### What you will do
Your answer must be an exact copy of all the entries.

-- Extracted material follows --

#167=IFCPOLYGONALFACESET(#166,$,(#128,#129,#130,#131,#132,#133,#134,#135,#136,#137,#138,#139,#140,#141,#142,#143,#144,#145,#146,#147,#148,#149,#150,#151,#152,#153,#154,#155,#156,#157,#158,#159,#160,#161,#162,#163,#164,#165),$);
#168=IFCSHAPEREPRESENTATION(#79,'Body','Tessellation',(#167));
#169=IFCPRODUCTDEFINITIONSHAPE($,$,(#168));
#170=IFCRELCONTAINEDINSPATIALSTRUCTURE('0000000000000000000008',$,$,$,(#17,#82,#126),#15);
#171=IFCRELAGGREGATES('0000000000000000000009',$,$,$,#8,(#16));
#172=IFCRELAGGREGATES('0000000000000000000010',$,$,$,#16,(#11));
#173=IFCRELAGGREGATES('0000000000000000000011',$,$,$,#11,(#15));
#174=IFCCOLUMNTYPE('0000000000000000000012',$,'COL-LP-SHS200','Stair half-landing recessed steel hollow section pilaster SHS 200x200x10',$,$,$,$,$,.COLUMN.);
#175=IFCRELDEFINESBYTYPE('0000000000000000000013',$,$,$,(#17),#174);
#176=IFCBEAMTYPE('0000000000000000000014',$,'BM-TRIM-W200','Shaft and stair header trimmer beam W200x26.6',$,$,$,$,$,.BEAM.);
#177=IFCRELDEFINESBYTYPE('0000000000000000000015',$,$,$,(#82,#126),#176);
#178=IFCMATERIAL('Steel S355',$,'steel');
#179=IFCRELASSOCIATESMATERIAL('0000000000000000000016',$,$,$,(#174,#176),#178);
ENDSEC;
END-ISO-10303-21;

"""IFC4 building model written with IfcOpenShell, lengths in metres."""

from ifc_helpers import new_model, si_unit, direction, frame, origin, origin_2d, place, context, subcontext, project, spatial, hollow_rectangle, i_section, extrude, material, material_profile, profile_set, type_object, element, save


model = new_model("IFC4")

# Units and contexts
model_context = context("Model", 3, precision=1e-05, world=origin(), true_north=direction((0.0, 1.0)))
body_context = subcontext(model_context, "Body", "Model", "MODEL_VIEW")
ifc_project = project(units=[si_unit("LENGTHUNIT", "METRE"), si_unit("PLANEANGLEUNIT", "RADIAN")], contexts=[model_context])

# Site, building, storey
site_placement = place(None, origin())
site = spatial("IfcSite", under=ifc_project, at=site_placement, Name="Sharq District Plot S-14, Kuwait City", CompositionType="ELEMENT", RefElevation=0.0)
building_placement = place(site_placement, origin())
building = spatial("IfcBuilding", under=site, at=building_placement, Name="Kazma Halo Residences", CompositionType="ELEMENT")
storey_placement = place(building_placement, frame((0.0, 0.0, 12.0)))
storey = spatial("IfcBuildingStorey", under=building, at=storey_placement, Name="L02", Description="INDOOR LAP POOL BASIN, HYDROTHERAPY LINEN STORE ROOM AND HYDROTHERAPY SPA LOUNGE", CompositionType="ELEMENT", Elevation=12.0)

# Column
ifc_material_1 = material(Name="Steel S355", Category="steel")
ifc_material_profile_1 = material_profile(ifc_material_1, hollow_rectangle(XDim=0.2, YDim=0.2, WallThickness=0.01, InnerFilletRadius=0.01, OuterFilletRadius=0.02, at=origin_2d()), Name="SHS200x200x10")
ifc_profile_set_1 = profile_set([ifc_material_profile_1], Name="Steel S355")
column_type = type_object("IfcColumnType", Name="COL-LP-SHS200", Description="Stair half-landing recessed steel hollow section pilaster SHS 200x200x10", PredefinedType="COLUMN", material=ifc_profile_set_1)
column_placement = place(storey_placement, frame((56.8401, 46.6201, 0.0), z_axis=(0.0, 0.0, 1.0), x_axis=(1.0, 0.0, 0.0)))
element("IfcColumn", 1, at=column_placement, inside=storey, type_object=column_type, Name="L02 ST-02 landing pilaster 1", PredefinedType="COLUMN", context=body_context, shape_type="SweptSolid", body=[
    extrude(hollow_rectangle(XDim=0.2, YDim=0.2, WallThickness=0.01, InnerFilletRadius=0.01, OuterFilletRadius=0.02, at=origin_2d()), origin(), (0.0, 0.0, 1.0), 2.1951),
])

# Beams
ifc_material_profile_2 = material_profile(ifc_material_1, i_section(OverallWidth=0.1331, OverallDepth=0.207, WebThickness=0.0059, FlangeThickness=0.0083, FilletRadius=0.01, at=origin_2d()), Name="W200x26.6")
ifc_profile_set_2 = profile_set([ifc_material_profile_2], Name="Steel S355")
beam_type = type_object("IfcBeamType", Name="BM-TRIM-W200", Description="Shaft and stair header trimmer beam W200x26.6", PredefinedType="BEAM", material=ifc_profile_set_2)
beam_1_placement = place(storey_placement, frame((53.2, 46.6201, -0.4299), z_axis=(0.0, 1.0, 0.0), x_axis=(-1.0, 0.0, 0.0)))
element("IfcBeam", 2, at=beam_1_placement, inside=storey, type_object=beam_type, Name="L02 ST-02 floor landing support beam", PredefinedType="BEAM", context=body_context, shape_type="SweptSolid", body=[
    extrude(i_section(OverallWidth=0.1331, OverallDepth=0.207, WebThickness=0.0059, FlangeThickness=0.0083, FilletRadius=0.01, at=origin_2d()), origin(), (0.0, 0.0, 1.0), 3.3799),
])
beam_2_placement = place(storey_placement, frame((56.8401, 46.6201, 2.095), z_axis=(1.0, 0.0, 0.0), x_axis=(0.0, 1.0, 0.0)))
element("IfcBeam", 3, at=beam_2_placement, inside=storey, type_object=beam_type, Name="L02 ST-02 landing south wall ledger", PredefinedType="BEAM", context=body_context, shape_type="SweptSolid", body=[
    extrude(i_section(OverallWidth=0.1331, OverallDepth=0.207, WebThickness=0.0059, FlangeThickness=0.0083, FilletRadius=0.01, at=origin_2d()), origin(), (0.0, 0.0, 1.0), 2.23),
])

-- Extracted material concluded --

### Finished exercise
#167=IFCPOLYGONALFACESET(#166,$,(#128,#129,#130,#131,#132,#133,#134,#135,#136,#137,#138,#139,#140,#141,#142,#143,#144,#145,#146,#147,#148,#149,#150,#151,#152,#153,#154,#155,#156,#157,#158,#159,#160,#161,#162,#163,#164,#165),$);
#168=IFCSHAPEREPRESENTATION(#79,'Body','Tessellation',(#167));
#169=IFCPRODUCTDEFINITIONSHAPE($,$,(#168));
#170=IFCRELCONTAINEDINSPATIALSTRUCTURE('0000000000000000000008',$,$,$,(#17,#82,#126),#15);
#171=IFCRELAGGREGATES('0000000000000000000009',$,$,$,#8,(#16));
#172=IFCRELAGGREGATES('0000000000000000000010',$,$,$,#16,(#11));
#173=IFCRELAGGREGATES('0000000000000000000011',$,$,$,#11,(#15));
#174=IFCCOLUMNTYPE('0000000000000000000012',$,'COL-LP-SHS200','Stair half-landing recessed steel hollow section pilaster SHS 200x200x10',$,$,$,$,$,.COLUMN.);
#175=IFCRELDEFINESBYTYPE('0000000000000000000013',$,$,$,(#17),#174);
#176=IFCBEAMTYPE('0000000000000000000014',$,'BM-TRIM-W200','Shaft and stair header trimmer beam W200x26.6',$,$,$,$,$,.BEAM.);
#177=IFCRELDEFINESBYTYPE('0000000000000000000015',$,$,$,(#82,#126),#176);
#178=IFCMATERIAL('Steel S355',$,'steel');
#179=IFCRELASSOCIATESMATERIAL('0000000000000000000016',$,$,$,(#174,#176),#178);
ENDSEC;
END-ISO-10303-21;

"""IFC4 building model written with IfcOpenShell, lengths in metres."""

from ifc_helpers import new_model, si_unit, direction, frame, origin, origin_2d, place, context, subcontext, project, spatial, hollow_rectangle, i_section, extrude, material, material_profile, profile_set, type_object, element, save


model = new_model("IFC4")

# Units and contexts
model_context = context("Model", 3, precision=1e-05, world=origin(), true_north=direction((0.0, 1.0)))
body_context = subcontext(model_context, "Body", "Model", "MODEL_VIEW")
ifc_project = project(units=[si_unit("LENGTHUNIT", "METRE"), si_unit("PLANEANGLEUNIT", "RADIAN")], contexts=[model_context])

# Site, building, storey
site_placement = place(None, origin())
site = spatial("IfcSite", under=ifc_project, at=site_placement, Name="Sharq District Plot S-14, Kuwait City", CompositionType="ELEMENT", RefElevation=0.0)
building_placement = place(site_placement, origin())
building = spatial("IfcBuilding", under=site, at=building_placement, Name="Kazma Halo Residences", CompositionType="ELEMENT")
storey_placement = place(building_placement, frame((0.0, 0.0, 12.0)))
storey = spatial("IfcBuildingStorey", under=building, at=storey_placement, Name="L02", Description="INDOOR LAP POOL BASIN, HYDROTHERAPY LINEN STORE ROOM AND HYDROTHERAPY SPA LOUNGE", CompositionType="ELEMENT", Elevation=12.0)

# Column
ifc_material_1 = material(Name="Steel S355", Category="steel")
ifc_material_profile_1 = material_profile(ifc_material_1, hollow_rectangle(XDim=0.2, YDim=0.2, WallThickness=0.01, InnerFilletRadius=0.01, OuterFilletRadius=0.02, at=origin_2d()), Name="SHS200x200x10")
ifc_profile_set_1 = profile_set([ifc_material_profile_1], Name="Steel S355")
column_type = type_object("IfcColumnType", Name="COL-LP-SHS200", Description="Stair half-landing recessed steel hollow section pilaster SHS 200x200x10", PredefinedType="COLUMN", material=ifc_profile_set_1)
column_placement = place(storey_placement, frame((56.8401, 46.6201, 0.0), z_axis=(0.0, 0.0, 1.0), x_axis=(1.0, 0.0, 0.0)))
element("IfcColumn", 1, at=column_placement, inside=storey, type_object=column_type, Name="L02 ST-02 landing pilaster 1", PredefinedType="COLUMN", context=body_context, shape_type="SweptSolid", body=[
    extrude(hollow_rectangle(XDim=0.2, YDim=0.2, WallThickness=0.01, InnerFilletRadius=0.01, OuterFilletRadius=0.02, at=origin_2d()), origin(), (0.0, 0.0, 1.0), 2.1951),
])

# Beams
ifc_material_profile_2 = material_profile(ifc_material_1, i_section(OverallWidth=0.1331, OverallDepth=0.207, WebThickness=0.0059, FlangeThickness=0.0083, FilletRadius=0.01, at=origin_2d()), Name="W200x26.6")
ifc_profile_set_2 = profile_set([ifc_material_profile_2], Name="Steel S355")
beam_type = type_object("IfcBeamType", Name="BM-TRIM-W200", Description="Shaft and stair header trimmer beam W200x26.6", PredefinedType="BEAM", material=ifc_profile_set_2)
beam_1_placement = place(storey_placement, frame((53.2, 46.6201, -0.4299), z_axis=(0.0, 1.0, 0.0), x_axis=(-1.0, 0.0, 0.0)))
element("IfcBeam", 2, at=beam_1_placement, inside=storey, type_object=beam_type, Name="L02 ST-02 floor landing support beam", PredefinedType="BEAM", context=body_context, shape_type="SweptSolid", body=[
    extrude(i_section(OverallWidth=0.1331, OverallDepth=0.207, WebThickness=0.0059, FlangeThickness=0.0083, FilletRadius=0.01, at=origin_2d()), origin(), (0.0, 0.0, 1.0), 3.3799),
])
beam_2_placement = place(storey_placement, frame((56.8401, 46.6201, 2.095), z_axis=(1.0, 0.0, 0.0), x_axis=(0.0, 1.0, 0.0)))
element("IfcBeam", 3, at=beam_2_placement, inside=storey, type_object=beam_type, Name="L02 ST-02 landing south wall ledger", PredefinedType="BEAM", context=body_context, shape_type="SweptSolid", body=[
    extrude(i_section(OverallWidth=0.1331, OverallDepth=0.207, WebThickness=0.0059, FlangeThickness=0.0083, FilletRadius=0.01, at=origin_2d()), origin(), (0.0, 0.0, 1.0), 2.23),
])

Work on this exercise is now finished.